==== Input records

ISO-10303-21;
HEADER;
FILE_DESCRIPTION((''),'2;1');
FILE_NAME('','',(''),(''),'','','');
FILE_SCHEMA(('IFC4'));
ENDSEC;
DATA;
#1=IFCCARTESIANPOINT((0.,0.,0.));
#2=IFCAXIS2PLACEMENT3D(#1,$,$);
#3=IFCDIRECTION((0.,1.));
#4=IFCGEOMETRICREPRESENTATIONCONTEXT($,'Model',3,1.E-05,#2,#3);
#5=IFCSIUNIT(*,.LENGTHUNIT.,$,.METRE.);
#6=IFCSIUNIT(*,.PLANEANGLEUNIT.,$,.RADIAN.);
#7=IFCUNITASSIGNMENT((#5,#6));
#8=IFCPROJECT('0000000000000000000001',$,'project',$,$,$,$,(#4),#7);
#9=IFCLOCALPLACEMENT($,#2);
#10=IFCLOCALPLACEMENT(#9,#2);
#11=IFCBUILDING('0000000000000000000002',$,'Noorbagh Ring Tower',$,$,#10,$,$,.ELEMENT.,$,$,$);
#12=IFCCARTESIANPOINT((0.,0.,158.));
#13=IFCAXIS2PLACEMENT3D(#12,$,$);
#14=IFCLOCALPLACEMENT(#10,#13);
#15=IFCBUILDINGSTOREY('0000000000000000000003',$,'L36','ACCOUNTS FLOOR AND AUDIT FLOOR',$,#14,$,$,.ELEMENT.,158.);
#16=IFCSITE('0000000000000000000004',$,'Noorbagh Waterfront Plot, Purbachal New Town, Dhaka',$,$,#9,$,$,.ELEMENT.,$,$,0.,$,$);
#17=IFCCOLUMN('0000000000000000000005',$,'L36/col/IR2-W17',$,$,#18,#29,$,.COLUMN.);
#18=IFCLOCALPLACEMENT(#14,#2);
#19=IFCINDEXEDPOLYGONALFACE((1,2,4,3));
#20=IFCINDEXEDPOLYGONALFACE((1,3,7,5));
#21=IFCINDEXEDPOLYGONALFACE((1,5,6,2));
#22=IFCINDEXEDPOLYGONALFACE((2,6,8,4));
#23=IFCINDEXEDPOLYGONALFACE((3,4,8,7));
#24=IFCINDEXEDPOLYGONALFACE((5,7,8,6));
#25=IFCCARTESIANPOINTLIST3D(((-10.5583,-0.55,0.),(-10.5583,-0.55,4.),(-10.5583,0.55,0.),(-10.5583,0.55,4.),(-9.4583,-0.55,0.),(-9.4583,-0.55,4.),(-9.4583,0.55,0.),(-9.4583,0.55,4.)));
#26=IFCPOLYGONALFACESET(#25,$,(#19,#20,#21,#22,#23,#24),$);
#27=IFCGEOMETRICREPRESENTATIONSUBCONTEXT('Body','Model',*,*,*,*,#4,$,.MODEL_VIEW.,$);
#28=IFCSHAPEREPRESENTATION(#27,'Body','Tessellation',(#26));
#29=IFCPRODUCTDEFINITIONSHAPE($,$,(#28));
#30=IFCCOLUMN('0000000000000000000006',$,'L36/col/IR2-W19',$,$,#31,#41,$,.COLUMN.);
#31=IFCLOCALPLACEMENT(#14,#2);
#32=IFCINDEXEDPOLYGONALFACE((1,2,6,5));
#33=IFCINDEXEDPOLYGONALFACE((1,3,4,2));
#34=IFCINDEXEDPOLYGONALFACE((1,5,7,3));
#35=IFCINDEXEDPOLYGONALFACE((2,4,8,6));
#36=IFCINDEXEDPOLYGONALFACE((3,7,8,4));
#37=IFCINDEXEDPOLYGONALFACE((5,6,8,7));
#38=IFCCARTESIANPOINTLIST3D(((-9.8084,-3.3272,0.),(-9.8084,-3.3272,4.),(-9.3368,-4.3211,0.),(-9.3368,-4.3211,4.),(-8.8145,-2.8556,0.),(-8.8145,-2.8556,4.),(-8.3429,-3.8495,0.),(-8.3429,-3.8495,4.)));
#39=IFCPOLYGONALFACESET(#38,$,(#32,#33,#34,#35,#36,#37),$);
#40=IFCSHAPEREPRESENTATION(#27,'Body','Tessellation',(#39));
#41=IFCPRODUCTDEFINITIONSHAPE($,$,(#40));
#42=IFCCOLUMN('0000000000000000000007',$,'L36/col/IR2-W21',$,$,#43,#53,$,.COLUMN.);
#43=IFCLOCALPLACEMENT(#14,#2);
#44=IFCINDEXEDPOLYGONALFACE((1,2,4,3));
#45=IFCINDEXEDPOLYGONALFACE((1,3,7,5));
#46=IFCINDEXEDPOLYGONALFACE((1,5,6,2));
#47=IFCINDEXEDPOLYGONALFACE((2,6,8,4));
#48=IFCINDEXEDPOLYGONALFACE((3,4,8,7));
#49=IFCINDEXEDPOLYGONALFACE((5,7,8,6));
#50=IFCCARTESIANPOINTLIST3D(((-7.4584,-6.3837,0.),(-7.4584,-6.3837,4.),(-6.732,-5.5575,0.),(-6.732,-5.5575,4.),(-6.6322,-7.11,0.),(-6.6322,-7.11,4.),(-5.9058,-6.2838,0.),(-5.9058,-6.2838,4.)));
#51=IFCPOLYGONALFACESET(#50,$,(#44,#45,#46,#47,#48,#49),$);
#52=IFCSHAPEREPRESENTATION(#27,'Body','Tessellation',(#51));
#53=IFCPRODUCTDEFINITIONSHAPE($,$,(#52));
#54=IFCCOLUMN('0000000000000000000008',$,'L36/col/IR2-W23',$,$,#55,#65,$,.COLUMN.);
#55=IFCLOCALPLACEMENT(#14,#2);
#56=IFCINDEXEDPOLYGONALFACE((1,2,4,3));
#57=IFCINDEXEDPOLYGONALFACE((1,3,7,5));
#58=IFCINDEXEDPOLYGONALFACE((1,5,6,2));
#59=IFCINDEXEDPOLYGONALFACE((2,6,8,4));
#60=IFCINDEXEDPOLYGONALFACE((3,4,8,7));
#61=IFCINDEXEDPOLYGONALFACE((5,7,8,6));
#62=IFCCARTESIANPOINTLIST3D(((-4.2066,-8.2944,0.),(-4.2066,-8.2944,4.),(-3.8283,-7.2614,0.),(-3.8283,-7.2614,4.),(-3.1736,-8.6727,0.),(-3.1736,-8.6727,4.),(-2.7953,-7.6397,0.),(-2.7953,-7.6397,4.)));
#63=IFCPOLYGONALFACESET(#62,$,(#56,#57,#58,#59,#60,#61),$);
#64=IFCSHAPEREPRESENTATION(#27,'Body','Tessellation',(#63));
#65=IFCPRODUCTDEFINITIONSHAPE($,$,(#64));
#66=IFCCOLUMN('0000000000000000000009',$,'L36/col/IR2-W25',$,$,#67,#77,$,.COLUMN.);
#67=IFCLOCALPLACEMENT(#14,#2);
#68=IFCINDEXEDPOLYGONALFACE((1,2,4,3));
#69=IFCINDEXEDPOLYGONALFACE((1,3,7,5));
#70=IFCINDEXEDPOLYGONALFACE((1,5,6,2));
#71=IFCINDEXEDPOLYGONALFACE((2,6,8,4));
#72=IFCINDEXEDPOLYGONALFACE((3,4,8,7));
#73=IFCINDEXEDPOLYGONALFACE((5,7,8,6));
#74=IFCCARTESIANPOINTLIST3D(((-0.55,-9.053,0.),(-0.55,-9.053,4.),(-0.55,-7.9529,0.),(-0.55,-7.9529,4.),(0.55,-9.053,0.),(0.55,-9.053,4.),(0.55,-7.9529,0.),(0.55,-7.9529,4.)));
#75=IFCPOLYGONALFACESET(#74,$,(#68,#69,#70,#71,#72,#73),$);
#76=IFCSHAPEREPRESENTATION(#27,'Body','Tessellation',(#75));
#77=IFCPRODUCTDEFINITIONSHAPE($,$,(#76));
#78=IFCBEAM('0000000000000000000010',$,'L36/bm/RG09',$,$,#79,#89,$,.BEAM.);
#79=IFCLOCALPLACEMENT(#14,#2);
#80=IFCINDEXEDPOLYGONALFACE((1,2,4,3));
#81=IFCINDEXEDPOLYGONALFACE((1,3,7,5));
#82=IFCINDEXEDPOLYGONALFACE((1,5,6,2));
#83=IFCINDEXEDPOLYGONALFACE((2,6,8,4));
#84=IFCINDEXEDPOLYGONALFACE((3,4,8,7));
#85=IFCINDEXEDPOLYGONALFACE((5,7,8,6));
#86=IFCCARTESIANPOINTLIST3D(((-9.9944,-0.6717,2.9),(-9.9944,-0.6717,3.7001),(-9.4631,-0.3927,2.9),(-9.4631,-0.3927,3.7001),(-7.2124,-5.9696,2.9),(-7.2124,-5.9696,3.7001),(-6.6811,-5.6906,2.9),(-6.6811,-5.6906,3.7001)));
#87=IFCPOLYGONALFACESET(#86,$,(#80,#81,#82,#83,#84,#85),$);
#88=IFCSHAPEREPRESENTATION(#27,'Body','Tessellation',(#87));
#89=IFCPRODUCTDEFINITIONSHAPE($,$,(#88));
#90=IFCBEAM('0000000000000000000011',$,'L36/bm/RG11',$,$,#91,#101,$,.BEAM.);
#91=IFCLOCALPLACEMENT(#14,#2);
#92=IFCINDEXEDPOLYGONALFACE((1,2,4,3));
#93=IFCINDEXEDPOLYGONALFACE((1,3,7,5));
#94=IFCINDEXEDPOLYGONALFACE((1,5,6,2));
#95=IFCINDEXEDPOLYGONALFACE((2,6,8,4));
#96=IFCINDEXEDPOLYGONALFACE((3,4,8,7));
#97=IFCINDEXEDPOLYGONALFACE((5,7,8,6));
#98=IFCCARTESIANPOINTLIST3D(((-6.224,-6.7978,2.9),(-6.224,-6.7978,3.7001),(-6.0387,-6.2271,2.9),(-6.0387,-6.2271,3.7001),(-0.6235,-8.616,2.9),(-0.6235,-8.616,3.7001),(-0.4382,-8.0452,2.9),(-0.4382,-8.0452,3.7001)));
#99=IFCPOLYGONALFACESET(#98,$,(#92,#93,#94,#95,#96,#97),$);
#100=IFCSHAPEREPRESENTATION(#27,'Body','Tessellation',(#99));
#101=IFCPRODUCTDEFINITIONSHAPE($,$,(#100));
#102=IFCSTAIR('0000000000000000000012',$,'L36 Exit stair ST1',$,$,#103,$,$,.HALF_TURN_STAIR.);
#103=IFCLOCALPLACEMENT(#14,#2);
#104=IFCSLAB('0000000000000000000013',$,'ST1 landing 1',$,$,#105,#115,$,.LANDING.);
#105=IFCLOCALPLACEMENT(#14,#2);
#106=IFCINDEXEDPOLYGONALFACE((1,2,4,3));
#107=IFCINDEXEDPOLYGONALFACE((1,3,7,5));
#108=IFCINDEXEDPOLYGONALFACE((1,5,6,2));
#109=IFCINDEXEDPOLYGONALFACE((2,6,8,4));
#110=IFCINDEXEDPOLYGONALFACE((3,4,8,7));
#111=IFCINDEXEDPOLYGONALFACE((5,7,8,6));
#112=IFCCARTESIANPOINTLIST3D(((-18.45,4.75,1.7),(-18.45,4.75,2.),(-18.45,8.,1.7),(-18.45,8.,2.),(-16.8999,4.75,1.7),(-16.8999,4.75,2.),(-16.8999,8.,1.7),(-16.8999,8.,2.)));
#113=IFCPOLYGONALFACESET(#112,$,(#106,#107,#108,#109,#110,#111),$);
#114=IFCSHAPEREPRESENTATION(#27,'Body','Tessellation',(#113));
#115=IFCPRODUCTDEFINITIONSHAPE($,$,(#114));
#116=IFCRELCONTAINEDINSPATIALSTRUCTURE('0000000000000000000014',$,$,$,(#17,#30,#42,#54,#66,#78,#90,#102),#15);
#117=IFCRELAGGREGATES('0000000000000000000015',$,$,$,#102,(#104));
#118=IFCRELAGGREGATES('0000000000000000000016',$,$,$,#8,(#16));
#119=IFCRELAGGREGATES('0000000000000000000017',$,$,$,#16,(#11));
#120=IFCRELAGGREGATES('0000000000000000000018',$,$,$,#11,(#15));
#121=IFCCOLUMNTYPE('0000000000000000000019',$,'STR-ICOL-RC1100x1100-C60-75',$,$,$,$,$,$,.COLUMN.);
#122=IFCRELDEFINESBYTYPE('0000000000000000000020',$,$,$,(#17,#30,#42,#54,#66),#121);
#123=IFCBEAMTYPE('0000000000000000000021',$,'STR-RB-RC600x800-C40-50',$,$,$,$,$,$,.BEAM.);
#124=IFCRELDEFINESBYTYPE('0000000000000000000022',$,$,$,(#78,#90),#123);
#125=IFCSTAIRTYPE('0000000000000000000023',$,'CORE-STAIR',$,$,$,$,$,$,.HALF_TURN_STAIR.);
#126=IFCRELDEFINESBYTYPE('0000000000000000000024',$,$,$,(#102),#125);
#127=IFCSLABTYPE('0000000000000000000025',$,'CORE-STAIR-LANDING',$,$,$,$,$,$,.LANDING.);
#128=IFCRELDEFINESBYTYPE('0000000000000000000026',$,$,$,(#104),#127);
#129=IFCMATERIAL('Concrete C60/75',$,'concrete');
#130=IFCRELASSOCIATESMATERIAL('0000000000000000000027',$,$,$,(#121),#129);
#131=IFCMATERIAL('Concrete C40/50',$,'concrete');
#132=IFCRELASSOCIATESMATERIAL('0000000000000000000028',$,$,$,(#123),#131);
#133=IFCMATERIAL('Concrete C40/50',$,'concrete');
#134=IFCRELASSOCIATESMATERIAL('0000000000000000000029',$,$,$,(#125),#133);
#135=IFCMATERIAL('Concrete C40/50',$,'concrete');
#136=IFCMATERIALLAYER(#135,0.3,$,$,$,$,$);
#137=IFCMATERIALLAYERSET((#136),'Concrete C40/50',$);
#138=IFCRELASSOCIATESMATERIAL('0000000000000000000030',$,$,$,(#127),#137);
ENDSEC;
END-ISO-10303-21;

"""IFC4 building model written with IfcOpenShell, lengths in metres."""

from ifc_helpers import new_model, si_unit, direction, frame, origin, origin_2d, place, context, subcontext, project, spatial, polyline, rectangle, outline, extrude, material, layer, layer_set, material_profile, profile_set, type_object, element, aggregate, save


model = new_model("IFC4")

# Units and contexts
model_context = context("Model", 3, precision=1e-05, world=origin(), true_north=direction((0.0, 1.0)))
body_context = subcontext(model_context, "Body", "Model", "MODEL_VIEW")
ifc_project = project(units=[si_unit("LENGTHUNIT", "METRE"), si_unit("PLANEANGLEUNIT", "RADIAN")], contexts=[model_context])

# Site, building, storey
site_placement = place(None, origin())
site = spatial("IfcSite", under=ifc_project, at=site_placement, Name="Noorbagh Waterfront Plot, Purbachal New Town, Dhaka", CompositionType="ELEMENT", RefElevation=0.0)
building_placement = place(site_placement, origin())
building = spatial("IfcBuilding", under=site, at=building_placement, Name="Noorbagh Ring Tower", CompositionType="ELEMENT")
storey_placement = place(building_placement, frame((0.0, 0.0, 158.0)))
storey = spatial("IfcBuildingStorey", under=building, at=storey_placement, Name="L36", Description="ACCOUNTS FLOOR AND AUDIT FLOOR", CompositionType="ELEMENT", Elevation=158.0)

# Columns
ifc_material_1 = material(Name="Concrete C60/75", Category="concrete")
ifc_material_profile_1 = material_profile(ifc_material_1, rectangle(XDim=1.1001, YDim=1.1001, at=origin_2d()), Name="RC1100x1100")
ifc_profile_set_1 = profile_set([ifc_material_profile_1], Name="Concrete C60/75")
column_type = type_object("IfcColumnType", Name="STR-ICOL-RC1100x1100-C60-75", PredefinedType="COLUMN", material=ifc_profile_set_1)
for number, where, z_axis, x_axis, name in (
    (1, (-10.0083, 0.0, 0.0), (0.0, 0.0, 1.0), (0.0, -1.0, 0.0), "L36/col/IR2-W17"),
    (2, (-9.0757, -3.5884, 0.0), (0.0, 0.0, 1.0), (0.428667, -0.903463, 0.0), "L36/col/IR2-W19"),
    (3, (-6.6821, -6.3337, 0.0), (0.0, 0.0, 1.0), (0.751022, -0.660277, 0.0), "L36/col/IR2-W21"),
    (4, (-3.501, -7.967, 0.0), (0.0, 0.0, 1.0), (0.93902, -0.343864, 0.0), "L36/col/IR2-W23"),
    (5, (0.0, -8.5029, 0.0), (0.0, 0.0, 1.0), (1.0, 0.0, 0.0), "L36/col/IR2-W25"),
):
    element("IfcColumn", number, at=place(storey_placement, frame(where, z_axis=z_axis, x_axis=x_axis)), inside=storey, type_object=column_type, Name=name, PredefinedType="COLUMN", context=body_context, shape_type="SweptSolid", body=[
        extrude(rectangle(XDim=1.1001, YDim=1.1001, at=origin_2d()), origin(), (0.0, 0.0, 1.0), 4.0),
    ])

# Beams
ifc_material_2 = material(Name="Concrete C40/50", Category="concrete")
ifc_material_profile_2 = material_profile(ifc_material_2, rectangle(XDim=0.6001, YDim=0.8, at=origin_2d()), Name="RC600x800")
ifc_profile_set_2 = profile_set([ifc_material_profile_2], Name="Concrete C40/50")
beam_type = type_object("IfcBeamType", Name="STR-RB-RC600x800-C40-50", PredefinedType="BEAM", material=ifc_profile_set_2)
beam_1_placement = place(storey_placement, frame((-9.7288, -0.5322, 3.3), z_axis=(0.464914, -0.885356, 0.0), x_axis=(0.885356, 0.464914, 0.0)))
element("IfcBeam", 6, at=beam_1_placement, inside=storey, type_object=beam_type, Name="L36/bm/RG09", PredefinedType="BEAM", context=body_context, shape_type="SweptSolid", body=[
    extrude(rectangle(XDim=0.6001, YDim=0.8, at=origin_2d()), origin(), (0.0, 0.0, 1.0), 5.9839),
])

========

> _Work to complete_: Above this instruction are the records; retype exactly the lines from the one containing "#96=IFCINDEXEDPOLYGONALFACE((3,4,8,7));" up to and including the one containing "#111=IFCINDEXEDPOLYGONALFACE((5,7,8,6));".

> _Answer to the problem_:
#96=IFCINDEXEDPOLYGONALFACE((3,4,8,7));
#97=IFCINDEXEDPOLYGONALFACE((5,7,8,6));
#98=IFCCARTESIANPOINTLIST3D(((-6.224,-6.7978,2.9),(-6.224,-6.7978,3.7001),(-6.0387,-6.2271,2.9),(-6.0387,-6.2271,3.7001),(-0.6235,-8.616,2.9),(-0.6235,-8.616,3.7001),(-0.4382,-8.0452,2.9),(-0.4382,-8.0452,3.7001)));
#99=IFCPOLYGONALFACESET(#98,$,(#92,#93,#94,#95,#96,#97),$);
#100=IFCSHAPEREPRESENTATION(#27,'Body','Tessellation',(#99));
#101=IFCPRODUCTDEFINITIONSHAPE($,$,(#100));
#102=IFCSTAIR('0000000000000000000012',$,'L36 Exit stair ST1',$,$,#103,$,$,.HALF_TURN_STAIR.);
#103=IFCLOCALPLACEMENT(#14,#2);
#104=IFCSLAB('0000000000000000000013',$,'ST1 landing 1',$,$,#105,#115,$,.LANDING.);
#105=IFCLOCALPLACEMENT(#14,#2);
#106=IFCINDEXEDPOLYGONALFACE((1,2,4,3));
#107=IFCINDEXEDPOLYGONALFACE((1,3,7,5));
#108=IFCINDEXEDPOLYGONALFACE((1,5,6,2));
#109=IFCINDEXEDPOLYGONALFACE((2,6,8,4));
#110=IFCINDEXEDPOLYGONALFACE((3,4,8,7));
#111=IFCINDEXEDPOLYGONALFACE((5,7,8,6));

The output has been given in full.